- **EXERCISE**: Would you restate the entries below word for word, starting at the first line and ending with the one that has "#155=IFCINDEXEDPOLYGONALFACE((2,6,8,4));"?

- **EXCERPTED RECORDS**:
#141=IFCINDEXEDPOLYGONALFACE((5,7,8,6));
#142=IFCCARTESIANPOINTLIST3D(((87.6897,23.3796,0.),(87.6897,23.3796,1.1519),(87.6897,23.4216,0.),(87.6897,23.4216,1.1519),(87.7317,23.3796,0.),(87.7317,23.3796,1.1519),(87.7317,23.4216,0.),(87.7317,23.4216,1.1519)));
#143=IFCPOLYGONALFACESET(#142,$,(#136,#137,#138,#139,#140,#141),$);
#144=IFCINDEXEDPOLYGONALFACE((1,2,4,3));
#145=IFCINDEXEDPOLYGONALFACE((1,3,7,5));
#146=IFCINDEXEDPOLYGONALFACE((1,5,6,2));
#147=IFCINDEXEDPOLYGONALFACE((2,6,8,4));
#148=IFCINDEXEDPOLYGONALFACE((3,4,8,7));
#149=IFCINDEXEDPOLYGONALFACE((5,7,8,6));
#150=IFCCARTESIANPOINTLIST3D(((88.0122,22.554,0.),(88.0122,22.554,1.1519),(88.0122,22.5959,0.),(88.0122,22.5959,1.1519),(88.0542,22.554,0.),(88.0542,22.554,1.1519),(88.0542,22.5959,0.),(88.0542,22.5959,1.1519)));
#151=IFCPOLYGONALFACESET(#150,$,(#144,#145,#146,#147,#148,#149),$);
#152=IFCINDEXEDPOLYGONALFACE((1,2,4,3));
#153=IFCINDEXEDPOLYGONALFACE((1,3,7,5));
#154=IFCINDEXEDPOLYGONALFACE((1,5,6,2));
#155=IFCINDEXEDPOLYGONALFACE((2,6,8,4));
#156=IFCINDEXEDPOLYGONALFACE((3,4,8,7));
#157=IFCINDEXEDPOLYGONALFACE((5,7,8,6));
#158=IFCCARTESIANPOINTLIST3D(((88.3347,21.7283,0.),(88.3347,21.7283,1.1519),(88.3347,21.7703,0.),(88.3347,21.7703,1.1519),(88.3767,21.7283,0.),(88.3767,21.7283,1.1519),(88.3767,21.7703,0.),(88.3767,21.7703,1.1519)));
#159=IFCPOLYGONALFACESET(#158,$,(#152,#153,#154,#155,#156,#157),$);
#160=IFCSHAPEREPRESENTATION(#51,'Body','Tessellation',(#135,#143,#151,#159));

- **FINAL ANSWER**:
#141=IFCINDEXEDPOLYGONALFACE((5,7,8,6));
#142=IFCCARTESIANPOINTLIST3D(((87.6897,23.3796,0.),(87.6897,23.3796,1.1519),(87.6897,23.4216,0.),(87.6897,23.4216,1.1519),(87.7317,23.3796,0.),(87.7317,23.3796,1.1519),(87.7317,23.4216,0.),(87.7317,23.4216,1.1519)));
#143=IFCPOLYGONALFACESET(#142,$,(#136,#137,#138,#139,#140,#141),$);
#144=IFCINDEXEDPOLYGONALFACE((1,2,4,3));
#145=IFCINDEXEDPOLYGONALFACE((1,3,7,5));
#146=IFCINDEXEDPOLYGONALFACE((1,5,6,2));
#147=IFCINDEXEDPOLYGONALFACE((2,6,8,4));
#148=IFCINDEXEDPOLYGONALFACE((3,4,8,7));
#149=IFCINDEXEDPOLYGONALFACE((5,7,8,6));
#150=IFCCARTESIANPOINTLIST3D(((88.0122,22.554,0.),(88.0122,22.554,1.1519),(88.0122,22.5959,0.),(88.0122,22.5959,1.1519),(88.0542,22.554,0.),(88.0542,22.554,1.1519),(88.0542,22.5959,0.),(88.0542,22.5959,1.1519)));
#151=IFCPOLYGONALFACESET(#150,$,(#144,#145,#146,#147,#148,#149),$);
#152=IFCINDEXEDPOLYGONALFACE((1,2,4,3));
#153=IFCINDEXEDPOLYGONALFACE((1,3,7,5));
#154=IFCINDEXEDPOLYGONALFACE((1,5,6,2));
#155=IFCINDEXEDPOLYGONALFACE((2,6,8,4));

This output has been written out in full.